### Materials provided

^^^^^^^^^^^^^^^^

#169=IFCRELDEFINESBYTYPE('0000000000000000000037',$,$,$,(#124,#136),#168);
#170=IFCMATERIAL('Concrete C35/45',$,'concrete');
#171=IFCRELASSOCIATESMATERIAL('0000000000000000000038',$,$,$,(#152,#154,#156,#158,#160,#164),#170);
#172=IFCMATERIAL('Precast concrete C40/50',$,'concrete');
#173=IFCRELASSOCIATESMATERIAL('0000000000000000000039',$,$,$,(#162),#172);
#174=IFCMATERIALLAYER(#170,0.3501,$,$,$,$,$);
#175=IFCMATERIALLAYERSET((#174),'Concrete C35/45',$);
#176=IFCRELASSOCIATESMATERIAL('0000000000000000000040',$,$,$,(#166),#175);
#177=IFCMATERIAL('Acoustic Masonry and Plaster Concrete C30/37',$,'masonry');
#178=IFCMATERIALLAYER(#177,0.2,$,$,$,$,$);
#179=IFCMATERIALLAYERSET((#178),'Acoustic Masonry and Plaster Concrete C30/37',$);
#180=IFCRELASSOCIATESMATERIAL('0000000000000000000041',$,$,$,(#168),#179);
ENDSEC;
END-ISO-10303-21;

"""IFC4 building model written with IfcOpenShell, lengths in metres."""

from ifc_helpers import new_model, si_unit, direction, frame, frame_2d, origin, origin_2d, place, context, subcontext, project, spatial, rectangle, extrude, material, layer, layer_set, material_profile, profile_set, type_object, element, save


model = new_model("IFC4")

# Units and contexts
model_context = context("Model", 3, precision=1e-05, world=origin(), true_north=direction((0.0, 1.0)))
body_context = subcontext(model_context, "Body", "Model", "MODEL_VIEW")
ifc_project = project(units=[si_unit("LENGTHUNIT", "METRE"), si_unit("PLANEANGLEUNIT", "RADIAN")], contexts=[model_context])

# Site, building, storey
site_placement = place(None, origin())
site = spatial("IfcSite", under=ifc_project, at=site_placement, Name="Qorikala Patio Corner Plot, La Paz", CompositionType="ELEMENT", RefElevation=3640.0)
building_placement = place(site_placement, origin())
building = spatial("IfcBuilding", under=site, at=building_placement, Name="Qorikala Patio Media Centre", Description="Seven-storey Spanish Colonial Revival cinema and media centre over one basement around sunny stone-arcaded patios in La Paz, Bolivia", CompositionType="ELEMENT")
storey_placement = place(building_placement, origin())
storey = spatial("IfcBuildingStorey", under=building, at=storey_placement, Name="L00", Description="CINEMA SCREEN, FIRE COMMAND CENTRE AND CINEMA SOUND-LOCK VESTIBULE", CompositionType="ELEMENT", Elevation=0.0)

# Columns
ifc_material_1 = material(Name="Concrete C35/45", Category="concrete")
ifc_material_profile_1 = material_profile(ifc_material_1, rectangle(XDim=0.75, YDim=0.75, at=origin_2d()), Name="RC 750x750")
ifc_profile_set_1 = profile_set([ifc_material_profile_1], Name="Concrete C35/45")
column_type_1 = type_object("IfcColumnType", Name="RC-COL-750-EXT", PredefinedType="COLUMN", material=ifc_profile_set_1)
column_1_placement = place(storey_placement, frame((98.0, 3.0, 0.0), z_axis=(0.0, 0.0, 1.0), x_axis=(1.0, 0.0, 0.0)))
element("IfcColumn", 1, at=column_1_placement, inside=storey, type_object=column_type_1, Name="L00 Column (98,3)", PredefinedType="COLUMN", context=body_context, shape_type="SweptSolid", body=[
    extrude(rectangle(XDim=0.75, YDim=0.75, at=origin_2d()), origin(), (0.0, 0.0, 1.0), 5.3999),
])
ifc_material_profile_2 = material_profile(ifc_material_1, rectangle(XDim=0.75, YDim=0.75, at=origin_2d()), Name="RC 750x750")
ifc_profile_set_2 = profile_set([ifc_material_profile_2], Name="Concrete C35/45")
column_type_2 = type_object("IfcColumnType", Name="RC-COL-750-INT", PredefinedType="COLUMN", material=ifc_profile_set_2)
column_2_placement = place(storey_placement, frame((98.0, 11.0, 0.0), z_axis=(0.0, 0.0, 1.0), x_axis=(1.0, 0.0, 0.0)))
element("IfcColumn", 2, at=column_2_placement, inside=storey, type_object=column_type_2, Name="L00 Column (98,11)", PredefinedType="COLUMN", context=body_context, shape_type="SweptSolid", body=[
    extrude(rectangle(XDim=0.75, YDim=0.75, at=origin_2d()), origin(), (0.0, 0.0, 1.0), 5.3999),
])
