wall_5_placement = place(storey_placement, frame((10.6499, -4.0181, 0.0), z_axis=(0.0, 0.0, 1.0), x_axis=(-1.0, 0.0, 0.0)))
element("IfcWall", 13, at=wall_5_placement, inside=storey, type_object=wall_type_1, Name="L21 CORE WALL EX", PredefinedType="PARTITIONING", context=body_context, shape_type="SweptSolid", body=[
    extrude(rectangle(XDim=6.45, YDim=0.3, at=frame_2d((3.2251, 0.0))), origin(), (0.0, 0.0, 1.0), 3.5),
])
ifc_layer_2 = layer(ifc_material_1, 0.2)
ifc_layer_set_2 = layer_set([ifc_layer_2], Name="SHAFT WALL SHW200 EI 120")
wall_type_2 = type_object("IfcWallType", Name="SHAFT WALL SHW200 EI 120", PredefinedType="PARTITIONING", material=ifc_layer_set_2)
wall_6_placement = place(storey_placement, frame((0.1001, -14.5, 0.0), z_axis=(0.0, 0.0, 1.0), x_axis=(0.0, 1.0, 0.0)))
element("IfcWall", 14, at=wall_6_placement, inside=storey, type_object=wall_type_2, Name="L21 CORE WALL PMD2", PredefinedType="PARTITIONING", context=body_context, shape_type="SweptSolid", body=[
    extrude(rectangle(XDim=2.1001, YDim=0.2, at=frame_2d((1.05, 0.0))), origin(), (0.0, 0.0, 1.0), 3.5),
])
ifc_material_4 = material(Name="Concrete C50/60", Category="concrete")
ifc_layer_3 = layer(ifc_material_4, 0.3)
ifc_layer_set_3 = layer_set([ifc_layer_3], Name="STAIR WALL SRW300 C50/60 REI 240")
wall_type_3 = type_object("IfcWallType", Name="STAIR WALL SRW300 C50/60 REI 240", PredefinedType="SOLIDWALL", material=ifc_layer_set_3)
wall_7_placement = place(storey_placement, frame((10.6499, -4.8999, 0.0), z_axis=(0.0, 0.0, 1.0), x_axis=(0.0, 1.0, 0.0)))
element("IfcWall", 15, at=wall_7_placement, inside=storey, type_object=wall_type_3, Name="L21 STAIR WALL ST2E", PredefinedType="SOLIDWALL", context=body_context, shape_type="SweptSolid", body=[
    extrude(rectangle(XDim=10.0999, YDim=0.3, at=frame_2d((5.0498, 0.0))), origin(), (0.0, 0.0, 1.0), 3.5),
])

^^^^^^^^^^^^^^^^

What is needed is an exact transcription of all the data.

#169=IFCRELDEFINESBYTYPE('0000000000000000000037',$,$,$,(#124,#136),#168);
#170=IFCMATERIAL('Concrete C35/45',$,'concrete');
#171=IFCRELASSOCIATESMATERIAL('0000000000000000000038',$,$,$,(#152,#154,#156,#158,#160,#164),#170);
#172=IFCMATERIAL('Precast concrete C40/50',$,'concrete');
#173=IFCRELASSOCIATESMATERIAL('0000000000000000000039',$,$,$,(#162),#172);
#174=IFCMATERIALLAYER(#170,0.3501,$,$,$,$,$);
#175=IFCMATERIALLAYERSET((#174),'Concrete C35/45',$);
#176=IFCRELASSOCIATESMATERIAL('0000000000000000000040',$,$,$,(#166),#175);
#177=IFCMATERIAL('Acoustic Masonry and Plaster Concrete C30/37',$,'masonry');
#178=IFCMATERIALLAYER(#177,0.2,$,$,$,$,$);
#179=IFCMATERIALLAYERSET((#178),'Acoustic Masonry and Plaster Concrete C30/37',$);
#180=IFCRELASSOCIATESMATERIAL('0000000000000000000041',$,$,$,(#168),#179);
ENDSEC;
END-ISO-10303-21;

"""IFC4 building model written with IfcOpenShell, lengths in metres."""

from ifc_helpers import new_model, si_unit, direction, frame, frame_2d, origin, origin_2d, place, context, subcontext, project, spatial, rectangle, extrude, material, layer, layer_set, material_profile, profile_set, type_object, element, save


model = new_model("IFC4")

# Units and contexts
model_context = context("Model", 3, precision=1e-05, world=origin(), true_north=direction((0.0, 1.0)))
body_context = subcontext(model_context, "Body", "Model", "MODEL_VIEW")
ifc_project = project(units=[si_unit("LENGTHUNIT", "METRE"), si_unit("PLANEANGLEUNIT", "RADIAN")], contexts=[model_context])

# Site, building, storey
site_placement = place(None, origin())
site = spatial("IfcSite", under=ifc_project, at=site_placement, Name="Qorikala Patio Corner Plot, La Paz", CompositionType="ELEMENT", RefElevation=3640.0)
building_placement = place(site_placement, origin())
building = spatial("IfcBuilding", under=site, at=building_placement, Name="Qorikala Patio Media Centre", Description="Seven-storey Spanish Colonial Revival cinema and media centre over one basement around sunny stone-arcaded patios in La Paz, Bolivia", CompositionType="ELEMENT")
storey_placement = place(building_placement, origin())
storey = spatial("IfcBuildingStorey", under=building, at=storey_placement, Name="L00", Description="CINEMA SCREEN, FIRE COMMAND CENTRE AND CINEMA SOUND-LOCK VESTIBULE", CompositionType="ELEMENT", Elevation=0.0)

# Columns
ifc_material_1 = material(Name="Concrete C35/45", Category="concrete")
ifc_material_profile_1 = material_profile(ifc_material_1, rectangle(XDim=0.75, YDim=0.75, at=origin_2d()), Name="RC 750x750")
ifc_profile_set_1 = profile_set([ifc_material_profile_1], Name="Concrete C35/45")
column_type_1 = type_object("IfcColumnType", Name="RC-COL-750-EXT", PredefinedType="COLUMN", material=ifc_profile_set_1)
column_1_placement = place(storey_placement, frame((98.0, 3.0, 0.0), z_axis=(0.0, 0.0, 1.0), x_axis=(1.0, 0.0, 0.0)))
element("IfcColumn", 1, at=column_1_placement, inside=storey, type_object=column_type_1, Name="L00 Column (98,3)", PredefinedType="COLUMN", context=body_context, shape_type="SweptSolid", body=[
    extrude(rectangle(XDim=0.75, YDim=0.75, at=origin_2d()), origin(), (0.0, 0.0, 1.0), 5.3999),
])
ifc_material_profile_2 = material_profile(ifc_material_1, rectangle(XDim=0.75, YDim=0.75, at=origin_2d()), Name="RC 750x750")
ifc_profile_set_2 = profile_set([ifc_material_profile_2], Name="Concrete C35/45")
column_type_2 = type_object("IfcColumnType", Name="RC-COL-750-INT", PredefinedType="COLUMN", material=ifc_profile_set_2)
column_2_placement = place(storey_placement, frame((98.0, 11.0, 0.0), z_axis=(0.0, 0.0, 1.0), x_axis=(1.0, 0.0, 0.0)))
element("IfcColumn", 2, at=column_2_placement, inside=storey, type_object=column_type_2, Name="L00 Column (98,11)", PredefinedType="COLUMN", context=body_context, shape_type="SweptSolid", body=[
    extrude(rectangle(XDim=0.75, YDim=0.75, at=origin_2d()), origin(), (0.0, 0.0, 1.0), 5.3999),
])
wall_5_placement = place(storey_placement, frame((10.6499, -4.0181, 0.0), z_axis=(0.0, 0.0, 1.0), x_axis=(-1.0, 0.0, 0.0)))
element("IfcWall", 13, at=wall_5_placement, inside=storey, type_object=wall_type_1, Name="L21 CORE WALL EX", PredefinedType="PARTITIONING", context=body_context, shape_type="SweptSolid", body=[
    extrude(rectangle(XDim=6.45, YDim=0.3, at=frame_2d((3.2251, 0.0))), origin(), (0.0, 0.0, 1.0), 3.5),
])
ifc_layer_2 = layer(ifc_material_1, 0.2)
ifc_layer_set_2 = layer_set([ifc_layer_2], Name="SHAFT WALL SHW200 EI 120")
wall_type_2 = type_object("IfcWallType", Name="SHAFT WALL SHW200 EI 120", PredefinedType="PARTITIONING", material=ifc_layer_set_2)
wall_6_placement = place(storey_placement, frame((0.1001, -14.5, 0.0), z_axis=(0.0, 0.0, 1.0), x_axis=(0.0, 1.0, 0.0)))
element("IfcWall", 14, at=wall_6_placement, inside=storey, type_object=wall_type_2, Name="L21 CORE WALL PMD2", PredefinedType="PARTITIONING", context=body_context, shape_type="SweptSolid", body=[
    extrude(rectangle(XDim=2.1001, YDim=0.2, at=frame_2d((1.05, 0.0))), origin(), (0.0, 0.0, 1.0), 3.5),
])
ifc_material_4 = material(Name="Concrete C50/60", Category="concrete")
ifc_layer_3 = layer(ifc_material_4, 0.3)
ifc_layer_set_3 = layer_set([ifc_layer_3], Name="STAIR WALL SRW300 C50/60 REI 240")
wall_type_3 = type_object("IfcWallType", Name="STAIR WALL SRW300 C50/60 REI 240", PredefinedType="SOLIDWALL", material=ifc_layer_set_3)
wall_7_placement = place(storey_placement, frame((10.6499, -4.8999, 0.0), z_axis=(0.0, 0.0, 1.0), x_axis=(0.0, 1.0, 0.0)))
element("IfcWall", 15, at=wall_7_placement, inside=storey, type_object=wall_type_3, Name="L21 STAIR WALL ST2E", PredefinedType="SOLIDWALL", context=body_context, shape_type="SweptSolid", body=[
    extrude(rectangle(XDim=10.0999, YDim=0.3, at=frame_2d((5.0498, 0.0))), origin(), (0.0, 0.0, 1.0), 3.5),
])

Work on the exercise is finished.